» THE TASK:
Please copy, word for word, the line that contains "#151=IFCMATERIALLAYER(#150,0.1499,$,'WL-INT1',$,$,$);" and every line after it through the end of the records, and nothing more.

» INFORMATION PROVIDED:
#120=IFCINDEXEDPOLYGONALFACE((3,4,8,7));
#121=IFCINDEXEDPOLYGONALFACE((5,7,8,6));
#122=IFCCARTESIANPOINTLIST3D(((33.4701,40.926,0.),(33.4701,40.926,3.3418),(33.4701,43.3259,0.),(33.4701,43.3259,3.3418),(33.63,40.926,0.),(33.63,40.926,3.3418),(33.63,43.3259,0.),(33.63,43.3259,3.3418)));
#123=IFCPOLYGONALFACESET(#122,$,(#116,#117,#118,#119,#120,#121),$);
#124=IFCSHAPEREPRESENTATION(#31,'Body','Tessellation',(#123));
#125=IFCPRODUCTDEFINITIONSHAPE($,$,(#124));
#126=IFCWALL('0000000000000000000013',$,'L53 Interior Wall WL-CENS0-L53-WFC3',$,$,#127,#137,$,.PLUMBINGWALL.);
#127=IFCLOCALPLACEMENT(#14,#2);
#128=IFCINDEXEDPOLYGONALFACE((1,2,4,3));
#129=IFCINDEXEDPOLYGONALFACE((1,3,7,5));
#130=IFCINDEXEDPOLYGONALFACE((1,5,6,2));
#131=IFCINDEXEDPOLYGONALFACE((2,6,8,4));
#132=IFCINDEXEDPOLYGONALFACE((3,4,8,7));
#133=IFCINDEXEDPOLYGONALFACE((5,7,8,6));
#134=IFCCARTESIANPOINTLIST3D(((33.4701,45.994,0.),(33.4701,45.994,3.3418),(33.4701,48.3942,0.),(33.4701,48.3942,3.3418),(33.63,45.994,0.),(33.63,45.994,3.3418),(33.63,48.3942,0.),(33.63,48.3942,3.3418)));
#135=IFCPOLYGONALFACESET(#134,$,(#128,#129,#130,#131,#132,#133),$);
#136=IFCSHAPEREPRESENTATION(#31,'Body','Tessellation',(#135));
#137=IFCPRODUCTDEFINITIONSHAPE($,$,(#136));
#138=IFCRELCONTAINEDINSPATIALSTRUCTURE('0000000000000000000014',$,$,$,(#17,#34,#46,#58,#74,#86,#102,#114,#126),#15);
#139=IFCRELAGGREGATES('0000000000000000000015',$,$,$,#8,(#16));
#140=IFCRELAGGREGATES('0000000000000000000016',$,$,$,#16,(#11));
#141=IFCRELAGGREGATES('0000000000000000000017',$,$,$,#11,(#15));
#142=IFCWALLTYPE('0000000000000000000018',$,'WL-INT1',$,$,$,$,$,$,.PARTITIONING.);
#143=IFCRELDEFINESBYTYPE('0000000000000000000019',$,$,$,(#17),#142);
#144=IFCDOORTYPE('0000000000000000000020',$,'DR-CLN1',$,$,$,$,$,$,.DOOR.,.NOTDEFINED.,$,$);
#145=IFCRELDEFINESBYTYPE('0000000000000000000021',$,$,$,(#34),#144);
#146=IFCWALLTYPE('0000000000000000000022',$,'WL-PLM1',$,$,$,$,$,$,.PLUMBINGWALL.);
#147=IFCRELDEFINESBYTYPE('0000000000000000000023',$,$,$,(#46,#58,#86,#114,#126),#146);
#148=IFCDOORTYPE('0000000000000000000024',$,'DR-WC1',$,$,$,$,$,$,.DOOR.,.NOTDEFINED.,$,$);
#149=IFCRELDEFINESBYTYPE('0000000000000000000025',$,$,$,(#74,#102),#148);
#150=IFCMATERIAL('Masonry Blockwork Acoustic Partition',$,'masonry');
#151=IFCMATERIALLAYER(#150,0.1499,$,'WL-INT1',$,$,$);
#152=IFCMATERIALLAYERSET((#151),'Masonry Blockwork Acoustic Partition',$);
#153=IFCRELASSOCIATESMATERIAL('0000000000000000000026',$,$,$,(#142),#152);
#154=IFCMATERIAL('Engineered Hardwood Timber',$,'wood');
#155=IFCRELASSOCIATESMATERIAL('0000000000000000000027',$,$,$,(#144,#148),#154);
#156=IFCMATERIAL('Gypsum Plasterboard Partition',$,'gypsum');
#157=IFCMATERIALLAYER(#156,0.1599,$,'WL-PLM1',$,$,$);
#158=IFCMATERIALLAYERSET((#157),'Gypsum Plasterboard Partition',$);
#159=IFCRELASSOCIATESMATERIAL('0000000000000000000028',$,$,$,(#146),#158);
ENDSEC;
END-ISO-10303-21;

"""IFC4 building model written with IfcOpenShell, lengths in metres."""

» SOLUTION FOR THIS TASK:
#151=IFCMATERIALLAYER(#150,0.1499,$,'WL-INT1',$,$,$);
#152=IFCMATERIALLAYERSET((#151),'Masonry Blockwork Acoustic Partition',$);
#153=IFCRELASSOCIATESMATERIAL('0000000000000000000026',$,$,$,(#142),#152);
#154=IFCMATERIAL('Engineered Hardwood Timber',$,'wood');
#155=IFCRELASSOCIATESMATERIAL('0000000000000000000027',$,$,$,(#144,#148),#154);
#156=IFCMATERIAL('Gypsum Plasterboard Partition',$,'gypsum');
#157=IFCMATERIALLAYER(#156,0.1599,$,'WL-PLM1',$,$,$);
#158=IFCMATERIALLAYERSET((#157),'Gypsum Plasterboard Partition',$);
#159=IFCRELASSOCIATESMATERIAL('0000000000000000000028',$,$,$,(#146),#158);
ENDSEC;
END-ISO-10303-21;

"""IFC4 building model written with IfcOpenShell, lengths in metres."""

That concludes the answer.